[Start of section]
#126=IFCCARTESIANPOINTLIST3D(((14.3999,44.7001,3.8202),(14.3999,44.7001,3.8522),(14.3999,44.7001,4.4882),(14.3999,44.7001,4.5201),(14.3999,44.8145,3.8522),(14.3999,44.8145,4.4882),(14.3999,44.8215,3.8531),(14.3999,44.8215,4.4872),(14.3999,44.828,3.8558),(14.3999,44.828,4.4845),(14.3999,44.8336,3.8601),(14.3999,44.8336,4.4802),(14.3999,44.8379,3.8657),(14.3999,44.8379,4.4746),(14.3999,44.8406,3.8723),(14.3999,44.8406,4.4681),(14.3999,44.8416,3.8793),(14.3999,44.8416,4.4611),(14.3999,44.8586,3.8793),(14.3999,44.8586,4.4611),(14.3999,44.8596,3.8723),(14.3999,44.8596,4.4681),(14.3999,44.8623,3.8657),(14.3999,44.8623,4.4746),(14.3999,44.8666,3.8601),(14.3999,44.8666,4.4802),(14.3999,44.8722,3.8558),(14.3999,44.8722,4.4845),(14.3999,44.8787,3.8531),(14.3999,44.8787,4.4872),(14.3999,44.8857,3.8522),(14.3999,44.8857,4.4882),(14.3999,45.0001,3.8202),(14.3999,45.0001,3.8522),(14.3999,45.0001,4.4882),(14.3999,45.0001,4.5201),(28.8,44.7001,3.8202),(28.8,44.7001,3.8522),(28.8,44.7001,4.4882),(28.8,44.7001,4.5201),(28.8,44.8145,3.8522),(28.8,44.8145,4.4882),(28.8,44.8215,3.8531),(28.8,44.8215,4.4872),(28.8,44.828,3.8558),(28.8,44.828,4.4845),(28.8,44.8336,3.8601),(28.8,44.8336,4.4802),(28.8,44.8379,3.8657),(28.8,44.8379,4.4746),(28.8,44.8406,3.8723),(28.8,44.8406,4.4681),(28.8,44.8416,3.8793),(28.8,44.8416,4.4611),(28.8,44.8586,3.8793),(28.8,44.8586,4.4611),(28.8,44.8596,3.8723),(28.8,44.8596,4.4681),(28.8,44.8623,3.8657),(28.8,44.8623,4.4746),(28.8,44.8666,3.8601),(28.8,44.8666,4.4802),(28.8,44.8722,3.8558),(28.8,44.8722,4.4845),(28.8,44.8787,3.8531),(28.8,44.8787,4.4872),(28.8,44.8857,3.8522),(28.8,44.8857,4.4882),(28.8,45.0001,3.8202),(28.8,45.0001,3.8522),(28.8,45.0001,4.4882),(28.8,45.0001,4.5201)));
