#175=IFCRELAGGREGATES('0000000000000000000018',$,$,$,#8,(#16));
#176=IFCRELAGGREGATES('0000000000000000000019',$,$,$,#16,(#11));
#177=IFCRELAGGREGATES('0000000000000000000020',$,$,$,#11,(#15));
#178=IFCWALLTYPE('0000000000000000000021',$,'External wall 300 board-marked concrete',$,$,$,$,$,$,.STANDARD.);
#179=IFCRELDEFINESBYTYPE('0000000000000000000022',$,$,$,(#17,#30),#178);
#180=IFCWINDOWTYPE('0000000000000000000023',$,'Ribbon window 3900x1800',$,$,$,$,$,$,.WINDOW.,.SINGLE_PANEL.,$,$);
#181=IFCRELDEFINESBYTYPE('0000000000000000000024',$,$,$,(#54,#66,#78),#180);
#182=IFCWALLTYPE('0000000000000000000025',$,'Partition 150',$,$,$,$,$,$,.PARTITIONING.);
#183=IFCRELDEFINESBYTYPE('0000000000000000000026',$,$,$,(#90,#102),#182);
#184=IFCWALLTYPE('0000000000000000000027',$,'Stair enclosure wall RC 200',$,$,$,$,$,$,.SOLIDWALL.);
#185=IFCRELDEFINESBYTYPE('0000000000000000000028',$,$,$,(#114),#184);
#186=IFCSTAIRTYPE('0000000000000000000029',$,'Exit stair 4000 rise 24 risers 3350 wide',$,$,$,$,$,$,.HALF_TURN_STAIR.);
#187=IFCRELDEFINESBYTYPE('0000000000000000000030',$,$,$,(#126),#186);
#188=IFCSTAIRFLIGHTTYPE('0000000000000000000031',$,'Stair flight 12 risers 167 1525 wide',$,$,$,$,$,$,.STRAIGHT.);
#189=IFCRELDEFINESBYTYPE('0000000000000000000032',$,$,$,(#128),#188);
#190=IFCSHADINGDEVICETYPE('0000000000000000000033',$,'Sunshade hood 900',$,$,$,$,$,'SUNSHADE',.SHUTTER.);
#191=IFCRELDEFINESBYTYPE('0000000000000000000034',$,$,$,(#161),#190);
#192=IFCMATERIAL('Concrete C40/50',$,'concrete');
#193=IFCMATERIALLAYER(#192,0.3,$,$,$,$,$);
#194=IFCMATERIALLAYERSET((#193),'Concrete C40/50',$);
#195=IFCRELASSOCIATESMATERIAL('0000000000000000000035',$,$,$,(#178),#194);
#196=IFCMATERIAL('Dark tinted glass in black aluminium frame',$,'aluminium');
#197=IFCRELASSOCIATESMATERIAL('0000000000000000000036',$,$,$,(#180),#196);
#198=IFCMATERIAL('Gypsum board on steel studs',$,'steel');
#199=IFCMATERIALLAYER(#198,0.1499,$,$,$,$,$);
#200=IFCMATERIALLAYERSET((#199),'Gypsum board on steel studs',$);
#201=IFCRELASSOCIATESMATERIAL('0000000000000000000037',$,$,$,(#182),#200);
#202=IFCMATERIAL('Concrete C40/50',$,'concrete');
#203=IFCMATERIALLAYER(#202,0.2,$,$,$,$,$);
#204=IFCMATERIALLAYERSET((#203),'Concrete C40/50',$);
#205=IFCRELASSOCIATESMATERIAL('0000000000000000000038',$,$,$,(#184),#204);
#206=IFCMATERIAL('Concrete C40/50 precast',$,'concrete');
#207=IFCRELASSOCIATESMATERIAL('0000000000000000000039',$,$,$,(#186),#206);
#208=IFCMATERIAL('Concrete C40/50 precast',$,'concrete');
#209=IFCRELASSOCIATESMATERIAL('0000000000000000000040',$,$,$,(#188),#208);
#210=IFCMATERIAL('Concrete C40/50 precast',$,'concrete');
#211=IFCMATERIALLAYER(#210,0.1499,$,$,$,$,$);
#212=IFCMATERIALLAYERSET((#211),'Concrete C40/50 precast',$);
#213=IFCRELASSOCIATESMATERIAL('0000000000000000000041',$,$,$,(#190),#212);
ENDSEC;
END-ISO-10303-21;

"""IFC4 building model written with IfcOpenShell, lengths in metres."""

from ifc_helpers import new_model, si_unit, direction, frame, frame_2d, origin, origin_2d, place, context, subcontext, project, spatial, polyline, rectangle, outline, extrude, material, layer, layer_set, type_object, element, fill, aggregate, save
[End of section]
# Task directions:
Your answer should repeat every entry exactly.

# Your solution:
#126=IFCCARTESIANPOINTLIST3D(((14.3999,44.7001,3.8202),(14.3999,44.7001,3.8522),(14.3999,44.7001,4.4882),(14.3999,44.7001,4.5201),(14.3999,44.8145,3.8522),(14.3999,44.8145,4.4882),(14.3999,44.8215,3.8531),(14.3999,44.8215,4.4872),(14.3999,44.828,3.8558),(14.3999,44.828,4.4845),(14.3999,44.8336,3.8601),(14.3999,44.8336,4.4802),(14.3999,44.8379,3.8657),(14.3999,44.8379,4.4746),(14.3999,44.8406,3.8723),(14.3999,44.8406,4.4681),(14.3999,44.8416,3.8793),(14.3999,44.8416,4.4611),(14.3999,44.8586,3.8793),(14.3999,44.8586,4.4611),(14.3999,44.8596,3.8723),(14.3999,44.8596,4.4681),(14.3999,44.8623,3.8657),(14.3999,44.8623,4.4746),(14.3999,44.8666,3.8601),(14.3999,44.8666,4.4802),(14.3999,44.8722,3.8558),(14.3999,44.8722,4.4845),(14.3999,44.8787,3.8531),(14.3999,44.8787,4.4872),(14.3999,44.8857,3.8522),(14.3999,44.8857,4.4882),(14.3999,45.0001,3.8202),(14.3999,45.0001,3.8522),(14.3999,45.0001,4.4882),(14.3999,45.0001,4.5201),(28.8,44.7001,3.8202),(28.8,44.7001,3.8522),(28.8,44.7001,4.4882),(28.8,44.7001,4.5201),(28.8,44.8145,3.8522),(28.8,44.8145,4.4882),(28.8,44.8215,3.8531),(28.8,44.8215,4.4872),(28.8,44.828,3.8558),(28.8,44.828,4.4845),(28.8,44.8336,3.8601),(28.8,44.8336,4.4802),(28.8,44.8379,3.8657),(28.8,44.8379,4.4746),(28.8,44.8406,3.8723),(28.8,44.8406,4.4681),(28.8,44.8416,3.8793),(28.8,44.8416,4.4611),(28.8,44.8586,3.8793),(28.8,44.8586,4.4611),(28.8,44.8596,3.8723),(28.8,44.8596,4.4681),(28.8,44.8623,3.8657),(28.8,44.8623,4.4746),(28.8,44.8666,3.8601),(28.8,44.8666,4.4802),(28.8,44.8722,3.8558),(28.8,44.8722,4.4845),(28.8,44.8787,3.8531),(28.8,44.8787,4.4872),(28.8,44.8857,3.8522),(28.8,44.8857,4.4882),(28.8,45.0001,3.8202),(28.8,45.0001,3.8522),(28.8,45.0001,4.4882),(28.8,45.0001,4.5201)));
#175=IFCRELAGGREGATES('0000000000000000000018',$,$,$,#8,(#16));
#176=IFCRELAGGREGATES('0000000000000000000019',$,$,$,#16,(#11));
#177=IFCRELAGGREGATES('0000000000000000000020',$,$,$,#11,(#15));
#178=IFCWALLTYPE('0000000000000000000021',$,'External wall 300 board-marked concrete',$,$,$,$,$,$,.STANDARD.);
#179=IFCRELDEFINESBYTYPE('0000000000000000000022',$,$,$,(#17,#30),#178);
#180=IFCWINDOWTYPE('0000000000000000000023',$,'Ribbon window 3900x1800',$,$,$,$,$,$,.WINDOW.,.SINGLE_PANEL.,$,$);
#181=IFCRELDEFINESBYTYPE('0000000000000000000024',$,$,$,(#54,#66,#78),#180);
#182=IFCWALLTYPE('0000000000000000000025',$,'Partition 150',$,$,$,$,$,$,.PARTITIONING.);
#183=IFCRELDEFINESBYTYPE('0000000000000000000026',$,$,$,(#90,#102),#182);
#184=IFCWALLTYPE('0000000000000000000027',$,'Stair enclosure wall RC 200',$,$,$,$,$,$,.SOLIDWALL.);
#185=IFCRELDEFINESBYTYPE('0000000000000000000028',$,$,$,(#114),#184);
#186=IFCSTAIRTYPE('0000000000000000000029',$,'Exit stair 4000 rise 24 risers 3350 wide',$,$,$,$,$,$,.HALF_TURN_STAIR.);
#187=IFCRELDEFINESBYTYPE('0000000000000000000030',$,$,$,(#126),#186);
#188=IFCSTAIRFLIGHTTYPE('0000000000000000000031',$,'Stair flight 12 risers 167 1525 wide',$,$,$,$,$,$,.STRAIGHT.);
#189=IFCRELDEFINESBYTYPE('0000000000000000000032',$,$,$,(#128),#188);
#190=IFCSHADINGDEVICETYPE('0000000000000000000033',$,'Sunshade hood 900',$,$,$,$,$,'SUNSHADE',.SHUTTER.);
#191=IFCRELDEFINESBYTYPE('0000000000000000000034',$,$,$,(#161),#190);
#192=IFCMATERIAL('Concrete C40/50',$,'concrete');
#193=IFCMATERIALLAYER(#192,0.3,$,$,$,$,$);
#194=IFCMATERIALLAYERSET((#193),'Concrete C40/50',$);
#195=IFCRELASSOCIATESMATERIAL('0000000000000000000035',$,$,$,(#178),#194);
#196=IFCMATERIAL('Dark tinted glass in black aluminium frame',$,'aluminium');
#197=IFCRELASSOCIATESMATERIAL('0000000000000000000036',$,$,$,(#180),#196);
#198=IFCMATERIAL('Gypsum board on steel studs',$,'steel');
#199=IFCMATERIALLAYER(#198,0.1499,$,$,$,$,$);
#200=IFCMATERIALLAYERSET((#199),'Gypsum board on steel studs',$);
#201=IFCRELASSOCIATESMATERIAL('0000000000000000000037',$,$,$,(#182),#200);
#202=IFCMATERIAL('Concrete C40/50',$,'concrete');
#203=IFCMATERIALLAYER(#202,0.2,$,$,$,$,$);
#204=IFCMATERIALLAYERSET((#203),'Concrete C40/50',$);
#205=IFCRELASSOCIATESMATERIAL('0000000000000000000038',$,$,$,(#184),#204);
#206=IFCMATERIAL('Concrete C40/50 precast',$,'concrete');
#207=IFCRELASSOCIATESMATERIAL('0000000000000000000039',$,$,$,(#186),#206);
#208=IFCMATERIAL('Concrete C40/50 precast',$,'concrete');
#209=IFCRELASSOCIATESMATERIAL('0000000000000000000040',$,$,$,(#188),#208);
#210=IFCMATERIAL('Concrete C40/50 precast',$,'concrete');
#211=IFCMATERIALLAYER(#210,0.1499,$,$,$,$,$);
#212=IFCMATERIALLAYERSET((#211),'Concrete C40/50 precast',$);
#213=IFCRELASSOCIATESMATERIAL('0000000000000000000041',$,$,$,(#190),#212);
ENDSEC;
END-ISO-10303-21;

"""IFC4 building model written with IfcOpenShell, lengths in metres."""

from ifc_helpers import new_model, si_unit, direction, frame, frame_2d, origin, origin_2d, place, context, subcontext, project, spatial, polyline, rectangle, outline, extrude, material, layer, layer_set, type_object, element, fill, aggregate, save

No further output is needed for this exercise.